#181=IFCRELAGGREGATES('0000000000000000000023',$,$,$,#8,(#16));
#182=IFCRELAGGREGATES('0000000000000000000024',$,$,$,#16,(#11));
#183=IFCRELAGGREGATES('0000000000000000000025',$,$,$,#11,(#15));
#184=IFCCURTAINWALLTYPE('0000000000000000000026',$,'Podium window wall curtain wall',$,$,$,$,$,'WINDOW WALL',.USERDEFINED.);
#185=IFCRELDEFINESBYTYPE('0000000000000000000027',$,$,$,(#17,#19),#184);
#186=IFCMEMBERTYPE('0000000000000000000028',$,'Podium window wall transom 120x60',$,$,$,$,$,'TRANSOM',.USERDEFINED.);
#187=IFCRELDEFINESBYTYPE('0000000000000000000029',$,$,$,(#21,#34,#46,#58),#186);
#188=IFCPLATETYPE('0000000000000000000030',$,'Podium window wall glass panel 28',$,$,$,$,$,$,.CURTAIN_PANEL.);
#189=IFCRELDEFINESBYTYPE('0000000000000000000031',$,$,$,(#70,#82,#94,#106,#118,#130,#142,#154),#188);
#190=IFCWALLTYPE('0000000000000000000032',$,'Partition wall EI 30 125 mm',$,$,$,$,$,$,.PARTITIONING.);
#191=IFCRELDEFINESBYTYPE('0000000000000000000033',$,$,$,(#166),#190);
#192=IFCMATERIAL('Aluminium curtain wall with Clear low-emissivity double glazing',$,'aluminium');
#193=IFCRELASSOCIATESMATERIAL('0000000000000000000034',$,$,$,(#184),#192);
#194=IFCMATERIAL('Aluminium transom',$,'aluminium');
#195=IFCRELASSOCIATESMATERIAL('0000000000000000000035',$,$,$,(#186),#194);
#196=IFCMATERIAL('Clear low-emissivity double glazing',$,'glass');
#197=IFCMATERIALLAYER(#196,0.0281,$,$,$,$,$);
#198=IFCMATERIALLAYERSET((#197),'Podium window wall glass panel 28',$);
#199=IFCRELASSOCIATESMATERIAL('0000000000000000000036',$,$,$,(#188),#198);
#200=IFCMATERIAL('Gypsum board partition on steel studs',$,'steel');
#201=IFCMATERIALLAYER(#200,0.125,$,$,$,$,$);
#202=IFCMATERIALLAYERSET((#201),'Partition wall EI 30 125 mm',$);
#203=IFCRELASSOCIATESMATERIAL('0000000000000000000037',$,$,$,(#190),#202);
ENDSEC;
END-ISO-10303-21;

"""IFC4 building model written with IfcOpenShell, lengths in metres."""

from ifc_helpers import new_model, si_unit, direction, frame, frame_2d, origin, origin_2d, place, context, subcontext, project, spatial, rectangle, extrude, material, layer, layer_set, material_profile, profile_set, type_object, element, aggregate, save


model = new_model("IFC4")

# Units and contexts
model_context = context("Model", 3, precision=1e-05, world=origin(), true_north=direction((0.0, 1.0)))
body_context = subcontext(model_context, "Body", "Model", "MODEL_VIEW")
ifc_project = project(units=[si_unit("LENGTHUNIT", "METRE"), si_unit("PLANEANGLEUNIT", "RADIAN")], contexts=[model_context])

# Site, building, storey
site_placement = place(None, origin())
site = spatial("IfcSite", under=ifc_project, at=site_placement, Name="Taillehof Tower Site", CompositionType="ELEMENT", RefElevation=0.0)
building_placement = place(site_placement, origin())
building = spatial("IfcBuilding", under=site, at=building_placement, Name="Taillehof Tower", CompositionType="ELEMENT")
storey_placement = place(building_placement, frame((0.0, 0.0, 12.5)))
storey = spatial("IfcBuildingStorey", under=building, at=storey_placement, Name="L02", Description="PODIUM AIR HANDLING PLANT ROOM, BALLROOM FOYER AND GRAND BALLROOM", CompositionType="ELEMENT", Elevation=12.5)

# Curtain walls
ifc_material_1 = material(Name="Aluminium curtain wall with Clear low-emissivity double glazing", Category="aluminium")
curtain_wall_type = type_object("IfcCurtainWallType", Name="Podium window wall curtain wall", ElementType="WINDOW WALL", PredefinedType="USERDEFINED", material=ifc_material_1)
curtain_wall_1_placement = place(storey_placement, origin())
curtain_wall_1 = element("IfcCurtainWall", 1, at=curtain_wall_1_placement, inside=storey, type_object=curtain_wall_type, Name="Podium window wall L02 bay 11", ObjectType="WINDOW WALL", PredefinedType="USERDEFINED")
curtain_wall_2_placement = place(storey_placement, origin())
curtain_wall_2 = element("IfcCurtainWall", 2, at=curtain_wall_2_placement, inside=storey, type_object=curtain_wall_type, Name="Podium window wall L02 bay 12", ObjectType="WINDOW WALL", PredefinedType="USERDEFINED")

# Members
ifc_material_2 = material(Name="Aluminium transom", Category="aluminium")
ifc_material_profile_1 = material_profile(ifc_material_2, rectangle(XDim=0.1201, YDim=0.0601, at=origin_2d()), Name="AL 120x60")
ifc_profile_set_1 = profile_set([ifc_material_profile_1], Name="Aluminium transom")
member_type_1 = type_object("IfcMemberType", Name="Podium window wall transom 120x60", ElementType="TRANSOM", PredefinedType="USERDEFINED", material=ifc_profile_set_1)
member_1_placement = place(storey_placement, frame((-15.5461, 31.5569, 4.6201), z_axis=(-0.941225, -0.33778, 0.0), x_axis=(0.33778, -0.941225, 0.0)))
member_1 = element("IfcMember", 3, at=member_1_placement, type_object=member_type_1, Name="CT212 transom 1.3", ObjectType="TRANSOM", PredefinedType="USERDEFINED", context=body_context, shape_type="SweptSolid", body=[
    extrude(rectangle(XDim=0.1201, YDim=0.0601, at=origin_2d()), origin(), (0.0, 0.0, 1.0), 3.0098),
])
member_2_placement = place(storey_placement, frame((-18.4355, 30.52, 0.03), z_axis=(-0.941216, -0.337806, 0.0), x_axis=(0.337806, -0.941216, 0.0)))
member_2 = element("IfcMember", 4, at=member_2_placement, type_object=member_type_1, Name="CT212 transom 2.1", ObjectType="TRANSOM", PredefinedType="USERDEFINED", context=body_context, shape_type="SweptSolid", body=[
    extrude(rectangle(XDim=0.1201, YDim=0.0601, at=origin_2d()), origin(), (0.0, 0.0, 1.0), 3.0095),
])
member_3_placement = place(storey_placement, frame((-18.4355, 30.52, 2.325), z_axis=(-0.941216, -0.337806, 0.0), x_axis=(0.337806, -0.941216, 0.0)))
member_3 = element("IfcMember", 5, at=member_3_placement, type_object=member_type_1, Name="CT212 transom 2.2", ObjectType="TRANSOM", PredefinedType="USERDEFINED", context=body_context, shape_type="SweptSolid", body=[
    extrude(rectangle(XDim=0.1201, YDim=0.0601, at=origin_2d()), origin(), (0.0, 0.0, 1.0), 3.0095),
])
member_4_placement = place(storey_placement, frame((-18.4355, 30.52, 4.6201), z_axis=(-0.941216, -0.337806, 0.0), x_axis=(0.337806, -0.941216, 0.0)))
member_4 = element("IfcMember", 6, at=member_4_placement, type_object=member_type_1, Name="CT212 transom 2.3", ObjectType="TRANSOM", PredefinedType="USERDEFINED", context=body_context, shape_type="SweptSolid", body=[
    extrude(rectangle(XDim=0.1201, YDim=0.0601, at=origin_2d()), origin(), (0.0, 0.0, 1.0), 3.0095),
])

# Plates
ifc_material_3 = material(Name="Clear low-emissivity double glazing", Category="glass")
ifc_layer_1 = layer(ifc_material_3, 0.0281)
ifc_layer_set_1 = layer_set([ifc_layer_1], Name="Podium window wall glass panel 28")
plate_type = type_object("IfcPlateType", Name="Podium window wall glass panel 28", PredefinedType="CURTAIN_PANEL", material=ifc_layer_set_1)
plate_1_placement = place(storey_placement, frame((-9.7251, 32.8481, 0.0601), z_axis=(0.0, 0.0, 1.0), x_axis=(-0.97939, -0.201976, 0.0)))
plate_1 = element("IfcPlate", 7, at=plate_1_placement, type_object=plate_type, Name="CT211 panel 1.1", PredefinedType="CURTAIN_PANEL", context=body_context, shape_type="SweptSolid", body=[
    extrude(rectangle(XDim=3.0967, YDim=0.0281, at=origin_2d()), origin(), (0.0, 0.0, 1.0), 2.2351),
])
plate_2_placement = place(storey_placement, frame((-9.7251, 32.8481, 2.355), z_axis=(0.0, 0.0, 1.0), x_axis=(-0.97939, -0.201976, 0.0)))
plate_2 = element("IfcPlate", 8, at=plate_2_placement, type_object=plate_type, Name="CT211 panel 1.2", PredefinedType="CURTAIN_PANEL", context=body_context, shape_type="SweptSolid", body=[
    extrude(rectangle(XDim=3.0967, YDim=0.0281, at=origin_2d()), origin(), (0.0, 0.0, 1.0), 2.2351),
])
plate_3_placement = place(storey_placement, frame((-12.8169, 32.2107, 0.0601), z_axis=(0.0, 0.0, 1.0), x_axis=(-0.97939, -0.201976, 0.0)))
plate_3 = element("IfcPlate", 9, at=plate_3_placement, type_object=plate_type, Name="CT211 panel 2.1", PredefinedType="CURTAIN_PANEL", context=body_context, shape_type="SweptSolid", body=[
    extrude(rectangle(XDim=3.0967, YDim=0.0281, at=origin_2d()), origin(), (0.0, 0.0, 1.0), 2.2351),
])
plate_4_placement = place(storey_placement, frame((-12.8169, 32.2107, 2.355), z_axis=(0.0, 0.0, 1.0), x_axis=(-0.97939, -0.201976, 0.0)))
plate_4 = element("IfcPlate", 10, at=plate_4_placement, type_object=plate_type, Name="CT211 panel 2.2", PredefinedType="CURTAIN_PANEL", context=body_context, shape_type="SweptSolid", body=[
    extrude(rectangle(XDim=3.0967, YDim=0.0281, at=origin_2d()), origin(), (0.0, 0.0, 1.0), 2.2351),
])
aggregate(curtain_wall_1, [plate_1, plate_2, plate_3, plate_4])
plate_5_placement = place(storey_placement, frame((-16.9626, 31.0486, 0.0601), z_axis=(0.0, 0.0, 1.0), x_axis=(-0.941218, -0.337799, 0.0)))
◇ ◇ ◇
*Task goal*: Copy each line of the data that contains the word "subcontext".

*Response below*:
from ifc_helpers import new_model, si_unit, direction, frame, frame_2d, origin, origin_2d, place, context, subcontext, project, spatial, rectangle, extrude, material, layer, layer_set, material_profile, profile_set, type_object, element, aggregate, save
body_context = subcontext(model_context, "Body", "Model", "MODEL_VIEW")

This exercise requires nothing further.